» Exercise requirements:
Report each line of the data that has "IFCSHAPEREPRESENTATION" somewhere in it.

» Input for this task:
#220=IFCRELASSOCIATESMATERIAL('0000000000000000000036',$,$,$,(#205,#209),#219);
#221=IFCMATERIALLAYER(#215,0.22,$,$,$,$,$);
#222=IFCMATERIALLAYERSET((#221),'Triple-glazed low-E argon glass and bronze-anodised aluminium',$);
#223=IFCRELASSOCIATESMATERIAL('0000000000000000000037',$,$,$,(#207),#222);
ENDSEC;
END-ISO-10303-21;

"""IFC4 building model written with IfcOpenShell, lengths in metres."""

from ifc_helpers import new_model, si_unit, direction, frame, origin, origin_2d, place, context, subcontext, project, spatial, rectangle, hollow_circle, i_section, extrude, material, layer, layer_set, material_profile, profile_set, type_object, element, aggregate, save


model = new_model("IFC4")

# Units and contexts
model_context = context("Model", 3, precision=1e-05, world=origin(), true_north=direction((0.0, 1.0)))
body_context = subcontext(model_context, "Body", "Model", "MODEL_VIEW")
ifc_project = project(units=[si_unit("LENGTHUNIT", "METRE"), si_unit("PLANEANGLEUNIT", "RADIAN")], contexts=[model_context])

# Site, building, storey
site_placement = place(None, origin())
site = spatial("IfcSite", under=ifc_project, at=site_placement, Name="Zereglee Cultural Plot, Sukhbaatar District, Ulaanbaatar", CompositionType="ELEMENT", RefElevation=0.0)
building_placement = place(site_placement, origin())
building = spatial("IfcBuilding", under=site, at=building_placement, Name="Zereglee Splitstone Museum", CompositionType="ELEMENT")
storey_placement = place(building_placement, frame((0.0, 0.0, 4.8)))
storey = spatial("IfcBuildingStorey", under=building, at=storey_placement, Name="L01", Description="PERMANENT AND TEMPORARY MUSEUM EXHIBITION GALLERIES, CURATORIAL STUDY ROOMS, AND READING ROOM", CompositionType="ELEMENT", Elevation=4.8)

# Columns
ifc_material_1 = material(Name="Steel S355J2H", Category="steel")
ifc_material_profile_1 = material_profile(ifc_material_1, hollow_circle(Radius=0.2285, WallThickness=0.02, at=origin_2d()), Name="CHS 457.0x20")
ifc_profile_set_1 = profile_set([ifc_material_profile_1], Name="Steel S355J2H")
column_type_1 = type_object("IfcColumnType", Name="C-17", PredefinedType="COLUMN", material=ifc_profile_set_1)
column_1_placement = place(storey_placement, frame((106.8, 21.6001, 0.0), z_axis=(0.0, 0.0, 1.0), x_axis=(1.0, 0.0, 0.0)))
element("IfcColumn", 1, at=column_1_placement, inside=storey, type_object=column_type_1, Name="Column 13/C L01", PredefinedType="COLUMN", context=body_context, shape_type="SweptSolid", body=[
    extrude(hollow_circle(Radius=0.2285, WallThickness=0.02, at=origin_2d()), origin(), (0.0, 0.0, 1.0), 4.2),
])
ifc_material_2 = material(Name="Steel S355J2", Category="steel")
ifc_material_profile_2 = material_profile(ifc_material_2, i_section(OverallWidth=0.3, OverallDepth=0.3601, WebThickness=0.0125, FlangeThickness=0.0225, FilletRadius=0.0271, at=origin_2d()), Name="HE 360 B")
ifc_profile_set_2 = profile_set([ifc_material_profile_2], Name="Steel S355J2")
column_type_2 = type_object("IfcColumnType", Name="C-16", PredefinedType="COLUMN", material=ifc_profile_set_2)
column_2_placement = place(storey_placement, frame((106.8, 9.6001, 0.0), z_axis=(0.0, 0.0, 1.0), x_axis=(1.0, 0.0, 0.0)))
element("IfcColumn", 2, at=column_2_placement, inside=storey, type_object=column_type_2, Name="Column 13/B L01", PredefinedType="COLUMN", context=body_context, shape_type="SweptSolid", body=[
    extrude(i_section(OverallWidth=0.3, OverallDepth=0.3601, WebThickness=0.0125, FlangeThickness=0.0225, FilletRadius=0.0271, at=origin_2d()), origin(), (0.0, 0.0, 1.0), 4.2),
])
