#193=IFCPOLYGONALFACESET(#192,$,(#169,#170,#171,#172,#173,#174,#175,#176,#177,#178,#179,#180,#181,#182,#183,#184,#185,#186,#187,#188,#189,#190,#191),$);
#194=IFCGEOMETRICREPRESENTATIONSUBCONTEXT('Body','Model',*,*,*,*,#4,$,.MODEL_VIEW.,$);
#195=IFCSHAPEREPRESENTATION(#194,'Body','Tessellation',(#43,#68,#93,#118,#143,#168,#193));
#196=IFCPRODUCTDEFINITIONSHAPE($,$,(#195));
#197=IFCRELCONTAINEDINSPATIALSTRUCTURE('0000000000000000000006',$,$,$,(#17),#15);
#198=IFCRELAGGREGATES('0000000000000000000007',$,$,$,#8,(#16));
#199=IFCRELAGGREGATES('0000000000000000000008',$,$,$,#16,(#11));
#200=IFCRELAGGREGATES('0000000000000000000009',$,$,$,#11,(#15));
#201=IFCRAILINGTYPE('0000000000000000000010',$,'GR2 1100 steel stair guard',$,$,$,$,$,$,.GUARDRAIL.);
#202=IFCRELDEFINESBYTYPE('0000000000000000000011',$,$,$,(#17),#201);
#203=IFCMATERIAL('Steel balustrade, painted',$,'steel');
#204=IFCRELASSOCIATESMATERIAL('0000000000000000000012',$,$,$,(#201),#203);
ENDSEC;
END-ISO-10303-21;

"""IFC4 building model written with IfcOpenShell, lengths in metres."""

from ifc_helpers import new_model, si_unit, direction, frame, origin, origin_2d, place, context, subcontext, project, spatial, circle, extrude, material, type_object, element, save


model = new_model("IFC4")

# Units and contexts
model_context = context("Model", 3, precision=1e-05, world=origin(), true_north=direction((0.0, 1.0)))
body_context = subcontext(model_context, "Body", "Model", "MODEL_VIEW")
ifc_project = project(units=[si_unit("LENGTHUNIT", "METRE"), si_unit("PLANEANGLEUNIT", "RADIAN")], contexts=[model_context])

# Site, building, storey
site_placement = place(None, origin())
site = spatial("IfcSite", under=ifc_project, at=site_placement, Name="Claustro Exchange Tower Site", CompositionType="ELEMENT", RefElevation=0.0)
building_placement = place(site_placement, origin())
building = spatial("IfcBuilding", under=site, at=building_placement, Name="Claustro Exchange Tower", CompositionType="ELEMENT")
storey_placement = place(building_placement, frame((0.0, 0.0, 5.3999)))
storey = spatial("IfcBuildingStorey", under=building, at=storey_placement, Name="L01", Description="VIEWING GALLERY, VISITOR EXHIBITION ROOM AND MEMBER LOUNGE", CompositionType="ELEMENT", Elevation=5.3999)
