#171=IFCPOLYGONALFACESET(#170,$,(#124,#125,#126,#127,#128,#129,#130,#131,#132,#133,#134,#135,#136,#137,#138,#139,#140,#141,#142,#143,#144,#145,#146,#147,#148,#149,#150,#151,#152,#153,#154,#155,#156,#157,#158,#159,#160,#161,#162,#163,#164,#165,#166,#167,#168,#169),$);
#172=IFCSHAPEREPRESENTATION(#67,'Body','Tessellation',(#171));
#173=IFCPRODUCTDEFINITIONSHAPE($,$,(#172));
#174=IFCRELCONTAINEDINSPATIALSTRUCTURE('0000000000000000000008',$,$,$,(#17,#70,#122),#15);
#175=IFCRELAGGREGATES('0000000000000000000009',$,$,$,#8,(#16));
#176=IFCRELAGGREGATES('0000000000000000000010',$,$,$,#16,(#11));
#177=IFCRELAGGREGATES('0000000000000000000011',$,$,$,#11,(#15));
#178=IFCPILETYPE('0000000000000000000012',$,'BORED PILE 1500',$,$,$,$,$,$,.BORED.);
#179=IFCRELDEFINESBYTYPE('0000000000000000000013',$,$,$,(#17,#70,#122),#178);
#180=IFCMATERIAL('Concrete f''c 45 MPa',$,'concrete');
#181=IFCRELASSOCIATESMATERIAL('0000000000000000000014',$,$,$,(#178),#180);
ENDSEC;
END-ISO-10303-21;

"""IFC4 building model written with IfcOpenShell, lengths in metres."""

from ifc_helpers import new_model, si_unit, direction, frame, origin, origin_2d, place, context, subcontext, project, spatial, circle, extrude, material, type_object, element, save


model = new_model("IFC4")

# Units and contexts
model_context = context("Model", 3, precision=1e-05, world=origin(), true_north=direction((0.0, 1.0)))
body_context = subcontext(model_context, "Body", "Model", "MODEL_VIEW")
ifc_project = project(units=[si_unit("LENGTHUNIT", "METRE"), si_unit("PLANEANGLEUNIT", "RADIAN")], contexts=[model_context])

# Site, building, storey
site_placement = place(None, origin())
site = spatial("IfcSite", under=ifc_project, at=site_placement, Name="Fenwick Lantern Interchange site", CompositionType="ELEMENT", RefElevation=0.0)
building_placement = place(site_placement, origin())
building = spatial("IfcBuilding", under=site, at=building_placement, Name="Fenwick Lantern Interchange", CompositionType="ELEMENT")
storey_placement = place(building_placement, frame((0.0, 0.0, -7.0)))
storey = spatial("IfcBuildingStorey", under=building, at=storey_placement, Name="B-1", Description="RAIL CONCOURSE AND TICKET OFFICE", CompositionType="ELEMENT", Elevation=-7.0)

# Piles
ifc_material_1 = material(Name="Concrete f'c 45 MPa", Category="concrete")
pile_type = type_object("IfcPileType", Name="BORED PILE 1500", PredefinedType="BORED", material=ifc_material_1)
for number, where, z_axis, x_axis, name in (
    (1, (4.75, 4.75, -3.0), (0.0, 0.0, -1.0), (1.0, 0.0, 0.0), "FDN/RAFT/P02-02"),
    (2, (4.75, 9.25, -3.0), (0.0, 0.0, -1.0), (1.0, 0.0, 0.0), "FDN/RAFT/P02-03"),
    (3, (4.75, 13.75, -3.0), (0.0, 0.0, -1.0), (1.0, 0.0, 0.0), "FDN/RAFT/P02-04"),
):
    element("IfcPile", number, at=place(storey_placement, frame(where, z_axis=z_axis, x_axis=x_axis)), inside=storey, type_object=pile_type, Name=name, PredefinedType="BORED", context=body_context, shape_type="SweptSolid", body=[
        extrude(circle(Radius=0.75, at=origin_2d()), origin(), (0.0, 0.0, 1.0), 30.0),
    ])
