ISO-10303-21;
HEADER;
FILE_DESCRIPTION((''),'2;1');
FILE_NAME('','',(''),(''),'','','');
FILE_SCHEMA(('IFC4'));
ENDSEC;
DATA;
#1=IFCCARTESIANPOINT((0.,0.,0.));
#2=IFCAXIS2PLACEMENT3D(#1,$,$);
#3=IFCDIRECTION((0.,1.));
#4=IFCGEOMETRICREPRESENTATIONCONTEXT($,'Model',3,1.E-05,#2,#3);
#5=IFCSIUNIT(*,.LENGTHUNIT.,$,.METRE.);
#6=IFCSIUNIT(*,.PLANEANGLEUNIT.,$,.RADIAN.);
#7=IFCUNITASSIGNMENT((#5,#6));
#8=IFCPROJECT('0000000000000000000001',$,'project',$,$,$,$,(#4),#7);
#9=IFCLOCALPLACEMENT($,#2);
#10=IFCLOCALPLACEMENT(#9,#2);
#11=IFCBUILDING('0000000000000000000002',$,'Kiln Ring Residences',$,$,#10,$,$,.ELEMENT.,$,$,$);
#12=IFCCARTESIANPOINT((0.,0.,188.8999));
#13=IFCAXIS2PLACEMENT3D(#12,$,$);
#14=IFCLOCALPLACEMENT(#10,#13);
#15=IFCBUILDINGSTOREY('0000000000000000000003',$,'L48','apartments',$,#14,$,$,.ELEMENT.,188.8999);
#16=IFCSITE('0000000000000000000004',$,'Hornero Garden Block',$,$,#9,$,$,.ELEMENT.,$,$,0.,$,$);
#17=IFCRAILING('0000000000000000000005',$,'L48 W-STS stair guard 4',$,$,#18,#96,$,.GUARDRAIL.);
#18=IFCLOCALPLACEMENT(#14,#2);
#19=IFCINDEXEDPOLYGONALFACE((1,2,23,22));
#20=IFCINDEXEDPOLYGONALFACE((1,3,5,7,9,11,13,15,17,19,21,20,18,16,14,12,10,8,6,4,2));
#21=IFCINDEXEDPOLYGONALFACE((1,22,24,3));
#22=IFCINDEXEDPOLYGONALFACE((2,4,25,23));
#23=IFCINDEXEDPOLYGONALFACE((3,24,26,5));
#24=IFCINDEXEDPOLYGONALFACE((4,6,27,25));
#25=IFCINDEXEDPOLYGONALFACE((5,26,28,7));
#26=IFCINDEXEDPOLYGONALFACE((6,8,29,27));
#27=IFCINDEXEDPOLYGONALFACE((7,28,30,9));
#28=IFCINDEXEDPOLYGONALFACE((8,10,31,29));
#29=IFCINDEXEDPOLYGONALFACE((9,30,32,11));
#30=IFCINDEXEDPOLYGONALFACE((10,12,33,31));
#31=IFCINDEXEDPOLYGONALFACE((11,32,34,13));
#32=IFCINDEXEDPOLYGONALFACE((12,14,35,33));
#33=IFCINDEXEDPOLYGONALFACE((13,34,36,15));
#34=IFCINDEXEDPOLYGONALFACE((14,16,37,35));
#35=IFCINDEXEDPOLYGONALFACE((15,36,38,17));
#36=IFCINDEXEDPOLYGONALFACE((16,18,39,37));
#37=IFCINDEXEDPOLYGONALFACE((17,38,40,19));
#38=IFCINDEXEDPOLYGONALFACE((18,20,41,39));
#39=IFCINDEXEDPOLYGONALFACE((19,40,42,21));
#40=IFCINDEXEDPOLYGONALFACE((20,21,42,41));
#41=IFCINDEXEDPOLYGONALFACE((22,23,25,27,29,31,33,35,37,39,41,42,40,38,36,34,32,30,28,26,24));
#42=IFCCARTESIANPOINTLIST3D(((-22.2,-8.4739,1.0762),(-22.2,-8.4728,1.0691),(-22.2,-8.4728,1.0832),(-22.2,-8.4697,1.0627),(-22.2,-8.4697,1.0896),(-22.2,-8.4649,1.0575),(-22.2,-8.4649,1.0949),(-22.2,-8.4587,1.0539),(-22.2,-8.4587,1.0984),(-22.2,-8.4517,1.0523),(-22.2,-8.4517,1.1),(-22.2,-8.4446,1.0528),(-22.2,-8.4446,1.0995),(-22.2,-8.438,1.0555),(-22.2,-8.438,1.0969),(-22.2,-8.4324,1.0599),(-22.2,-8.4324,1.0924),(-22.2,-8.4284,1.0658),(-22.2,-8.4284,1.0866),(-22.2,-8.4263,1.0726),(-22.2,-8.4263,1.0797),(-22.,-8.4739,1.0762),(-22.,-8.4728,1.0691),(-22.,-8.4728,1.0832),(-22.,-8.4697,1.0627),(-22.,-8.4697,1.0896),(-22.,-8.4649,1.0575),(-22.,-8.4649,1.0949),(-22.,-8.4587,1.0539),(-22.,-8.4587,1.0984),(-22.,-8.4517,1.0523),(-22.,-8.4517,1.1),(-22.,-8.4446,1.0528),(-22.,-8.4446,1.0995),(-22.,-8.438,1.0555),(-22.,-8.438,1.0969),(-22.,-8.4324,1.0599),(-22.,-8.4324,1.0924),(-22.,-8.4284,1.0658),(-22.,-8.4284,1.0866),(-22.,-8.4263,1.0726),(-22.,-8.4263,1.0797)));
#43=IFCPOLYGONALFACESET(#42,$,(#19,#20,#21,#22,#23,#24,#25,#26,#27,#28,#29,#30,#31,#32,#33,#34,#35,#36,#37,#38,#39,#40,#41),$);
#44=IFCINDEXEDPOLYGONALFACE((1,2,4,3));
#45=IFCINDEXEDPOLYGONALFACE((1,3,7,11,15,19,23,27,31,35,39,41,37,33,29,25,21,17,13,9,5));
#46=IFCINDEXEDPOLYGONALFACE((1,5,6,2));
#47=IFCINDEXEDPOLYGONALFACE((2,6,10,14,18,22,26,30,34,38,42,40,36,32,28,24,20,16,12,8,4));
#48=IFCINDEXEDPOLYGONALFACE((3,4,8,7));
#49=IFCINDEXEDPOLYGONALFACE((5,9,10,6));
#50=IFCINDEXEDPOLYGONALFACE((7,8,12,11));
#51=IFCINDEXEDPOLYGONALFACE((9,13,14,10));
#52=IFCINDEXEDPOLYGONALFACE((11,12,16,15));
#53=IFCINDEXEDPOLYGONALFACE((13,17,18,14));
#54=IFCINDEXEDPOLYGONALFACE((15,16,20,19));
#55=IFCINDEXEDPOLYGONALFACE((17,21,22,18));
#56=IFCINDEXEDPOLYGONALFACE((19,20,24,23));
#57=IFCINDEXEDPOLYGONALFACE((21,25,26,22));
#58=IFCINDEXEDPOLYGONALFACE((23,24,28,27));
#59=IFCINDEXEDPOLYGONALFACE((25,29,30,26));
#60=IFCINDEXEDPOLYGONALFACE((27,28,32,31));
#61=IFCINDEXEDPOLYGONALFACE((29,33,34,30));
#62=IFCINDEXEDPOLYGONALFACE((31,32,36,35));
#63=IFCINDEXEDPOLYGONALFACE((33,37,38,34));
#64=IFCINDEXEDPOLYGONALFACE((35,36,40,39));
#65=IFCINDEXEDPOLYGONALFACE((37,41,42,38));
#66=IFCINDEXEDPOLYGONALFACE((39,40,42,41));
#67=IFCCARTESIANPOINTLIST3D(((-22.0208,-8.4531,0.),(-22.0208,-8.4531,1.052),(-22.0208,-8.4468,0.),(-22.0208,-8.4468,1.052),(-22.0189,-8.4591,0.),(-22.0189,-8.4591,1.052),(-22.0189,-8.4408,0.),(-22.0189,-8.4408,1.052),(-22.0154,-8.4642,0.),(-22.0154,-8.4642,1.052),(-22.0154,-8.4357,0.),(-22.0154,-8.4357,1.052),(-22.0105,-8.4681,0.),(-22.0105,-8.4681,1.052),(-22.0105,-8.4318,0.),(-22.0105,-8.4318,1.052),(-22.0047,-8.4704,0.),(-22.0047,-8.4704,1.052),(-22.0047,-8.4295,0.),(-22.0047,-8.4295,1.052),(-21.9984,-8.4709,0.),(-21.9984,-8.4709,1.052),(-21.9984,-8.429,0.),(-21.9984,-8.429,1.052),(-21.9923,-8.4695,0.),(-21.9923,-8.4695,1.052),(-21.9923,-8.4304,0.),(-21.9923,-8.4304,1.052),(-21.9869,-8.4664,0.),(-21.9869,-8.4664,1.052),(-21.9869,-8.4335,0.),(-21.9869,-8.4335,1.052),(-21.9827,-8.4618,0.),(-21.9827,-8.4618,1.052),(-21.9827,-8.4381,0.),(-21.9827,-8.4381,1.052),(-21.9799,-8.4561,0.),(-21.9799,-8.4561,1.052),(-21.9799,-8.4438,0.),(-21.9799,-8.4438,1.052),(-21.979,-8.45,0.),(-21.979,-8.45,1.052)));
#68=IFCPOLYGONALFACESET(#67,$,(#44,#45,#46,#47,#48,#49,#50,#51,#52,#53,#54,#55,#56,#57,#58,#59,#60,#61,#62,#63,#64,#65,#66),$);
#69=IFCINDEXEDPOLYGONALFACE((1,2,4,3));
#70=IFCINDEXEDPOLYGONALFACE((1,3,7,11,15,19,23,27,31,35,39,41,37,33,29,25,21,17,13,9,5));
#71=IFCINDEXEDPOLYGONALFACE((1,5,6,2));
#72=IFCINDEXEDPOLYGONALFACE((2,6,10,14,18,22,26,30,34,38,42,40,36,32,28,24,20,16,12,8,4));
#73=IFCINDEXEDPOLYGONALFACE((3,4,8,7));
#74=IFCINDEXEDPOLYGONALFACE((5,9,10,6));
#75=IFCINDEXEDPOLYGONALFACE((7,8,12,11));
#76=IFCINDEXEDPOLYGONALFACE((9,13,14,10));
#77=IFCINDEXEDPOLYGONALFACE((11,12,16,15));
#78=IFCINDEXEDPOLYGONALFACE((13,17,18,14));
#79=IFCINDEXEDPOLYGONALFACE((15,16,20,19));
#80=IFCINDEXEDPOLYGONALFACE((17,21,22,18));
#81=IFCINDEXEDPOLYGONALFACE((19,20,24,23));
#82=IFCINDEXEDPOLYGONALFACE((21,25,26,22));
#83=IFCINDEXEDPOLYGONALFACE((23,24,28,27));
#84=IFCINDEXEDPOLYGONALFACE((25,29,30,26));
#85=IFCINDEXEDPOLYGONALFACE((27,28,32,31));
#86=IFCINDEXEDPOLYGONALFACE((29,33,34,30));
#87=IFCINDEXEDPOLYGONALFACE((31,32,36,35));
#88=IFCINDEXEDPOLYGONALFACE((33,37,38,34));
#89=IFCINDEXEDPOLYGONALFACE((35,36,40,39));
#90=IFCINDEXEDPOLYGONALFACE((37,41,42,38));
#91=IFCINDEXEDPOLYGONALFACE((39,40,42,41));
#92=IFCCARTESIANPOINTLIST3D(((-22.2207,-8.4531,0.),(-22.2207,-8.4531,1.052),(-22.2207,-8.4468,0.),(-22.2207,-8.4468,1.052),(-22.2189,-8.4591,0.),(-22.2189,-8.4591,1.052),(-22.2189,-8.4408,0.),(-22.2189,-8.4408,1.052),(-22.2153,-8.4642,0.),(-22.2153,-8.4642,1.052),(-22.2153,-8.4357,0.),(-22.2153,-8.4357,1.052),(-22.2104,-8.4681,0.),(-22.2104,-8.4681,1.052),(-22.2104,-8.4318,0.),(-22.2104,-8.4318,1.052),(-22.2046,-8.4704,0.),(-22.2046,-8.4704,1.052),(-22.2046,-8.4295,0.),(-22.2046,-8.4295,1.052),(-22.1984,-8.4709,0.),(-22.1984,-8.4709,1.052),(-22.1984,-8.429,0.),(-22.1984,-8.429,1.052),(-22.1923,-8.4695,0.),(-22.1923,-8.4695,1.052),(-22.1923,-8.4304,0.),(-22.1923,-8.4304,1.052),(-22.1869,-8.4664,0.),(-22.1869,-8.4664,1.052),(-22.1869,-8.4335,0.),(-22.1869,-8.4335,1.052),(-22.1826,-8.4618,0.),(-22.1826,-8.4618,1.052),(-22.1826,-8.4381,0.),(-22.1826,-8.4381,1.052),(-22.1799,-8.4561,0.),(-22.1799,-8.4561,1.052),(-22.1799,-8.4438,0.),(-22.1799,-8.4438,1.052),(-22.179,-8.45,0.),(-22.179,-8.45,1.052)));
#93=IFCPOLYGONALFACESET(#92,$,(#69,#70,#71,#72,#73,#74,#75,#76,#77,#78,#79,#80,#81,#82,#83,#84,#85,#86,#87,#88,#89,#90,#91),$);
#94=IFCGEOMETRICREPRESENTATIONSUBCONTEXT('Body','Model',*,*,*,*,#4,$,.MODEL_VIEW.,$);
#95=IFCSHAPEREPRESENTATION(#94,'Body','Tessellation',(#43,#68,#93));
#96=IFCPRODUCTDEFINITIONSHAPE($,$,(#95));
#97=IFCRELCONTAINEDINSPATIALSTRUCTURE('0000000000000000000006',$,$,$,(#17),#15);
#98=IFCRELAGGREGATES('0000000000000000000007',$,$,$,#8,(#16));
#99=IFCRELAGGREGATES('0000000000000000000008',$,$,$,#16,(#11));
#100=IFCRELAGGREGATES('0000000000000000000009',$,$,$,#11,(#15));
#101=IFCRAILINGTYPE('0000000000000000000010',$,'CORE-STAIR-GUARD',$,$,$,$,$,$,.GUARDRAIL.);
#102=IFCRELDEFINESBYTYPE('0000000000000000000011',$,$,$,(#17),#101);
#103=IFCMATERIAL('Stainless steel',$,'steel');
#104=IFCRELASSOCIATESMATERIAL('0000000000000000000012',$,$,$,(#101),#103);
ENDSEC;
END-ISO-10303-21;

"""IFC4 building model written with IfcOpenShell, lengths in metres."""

from ifc_helpers import new_model, si_unit, direction, frame, origin, origin_2d, place, context, subcontext, project, spatial, circle, extrude, material, type_object, element, save


model = new_model("IFC4")

# Units and contexts
model_context = context("Model", 3, precision=1e-05, world=origin(), true_north=direction((0.0, 1.0)))
body_context = subcontext(model_context, "Body", "Model", "MODEL_VIEW")
ifc_project = project(units=[si_unit("LENGTHUNIT", "METRE"), si_unit("PLANEANGLEUNIT", "RADIAN")], contexts=[model_context])

# Site, building, storey
site_placement = place(None, origin())
site = spatial("IfcSite", under=ifc_project, at=site_placement, Name="Hornero Garden Block", CompositionType="ELEMENT", RefElevation=0.0)
building_placement = place(site_placement, origin())
building = spatial("IfcBuilding", under=site, at=building_placement, Name="Kiln Ring Residences", CompositionType="ELEMENT")
storey_placement = place(building_placement, frame((0.0, 0.0, 188.8999)))
storey = spatial("IfcBuildingStorey", under=building, at=storey_placement, Name="L48", Description="apartments", CompositionType="ELEMENT", Elevation=188.8999)

# Railing
ifc_material_1 = material(Name="Stainless steel", Category="steel")
railing_type_1 = type_object("IfcRailingType", Name="CORE-STAIR-GUARD", PredefinedType="GUARDRAIL", material=ifc_material_1)
railing_1_placement = place(storey_placement, frame((-22.0, -8.45, 0.0)))
element("IfcRailing", 1, at=railing_1_placement, inside=storey, type_object=railing_type_1, Name="L48 W-STS stair guard 4", PredefinedType="GUARDRAIL", context=body_context, shape_type="SweptSolid", body=[
    extrude(circle(Radius=0.0239, at=origin_2d()), frame((0.0, 0.0, 1.0762), z_axis=(-1.0, 0.0, 0.0), x_axis=(0.0, -1.0, 0.0)), (0.0, 0.0, 1.0), 0.2),
    extrude(circle(Radius=0.021, at=origin_2d()), origin(), (0.0, 0.0, 1.0), 1.052),
    extrude(circle(Radius=0.021, at=origin_2d()), frame((-0.2, 0.0, 0.0)), (0.0, 0.0, 1.0), 1.052),
])

save(model, "model.ifc")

» The completed task:
#195=IFCSHAPEREPRESENTATION(#194,'Body','Tessellation',(#43,#68,#93,#118,#143,#168,#193));
#172=IFCSHAPEREPRESENTATION(#67,'Body','Tessellation',(#171));
#95=IFCSHAPEREPRESENTATION(#94,'Body','Tessellation',(#43,#68,#93));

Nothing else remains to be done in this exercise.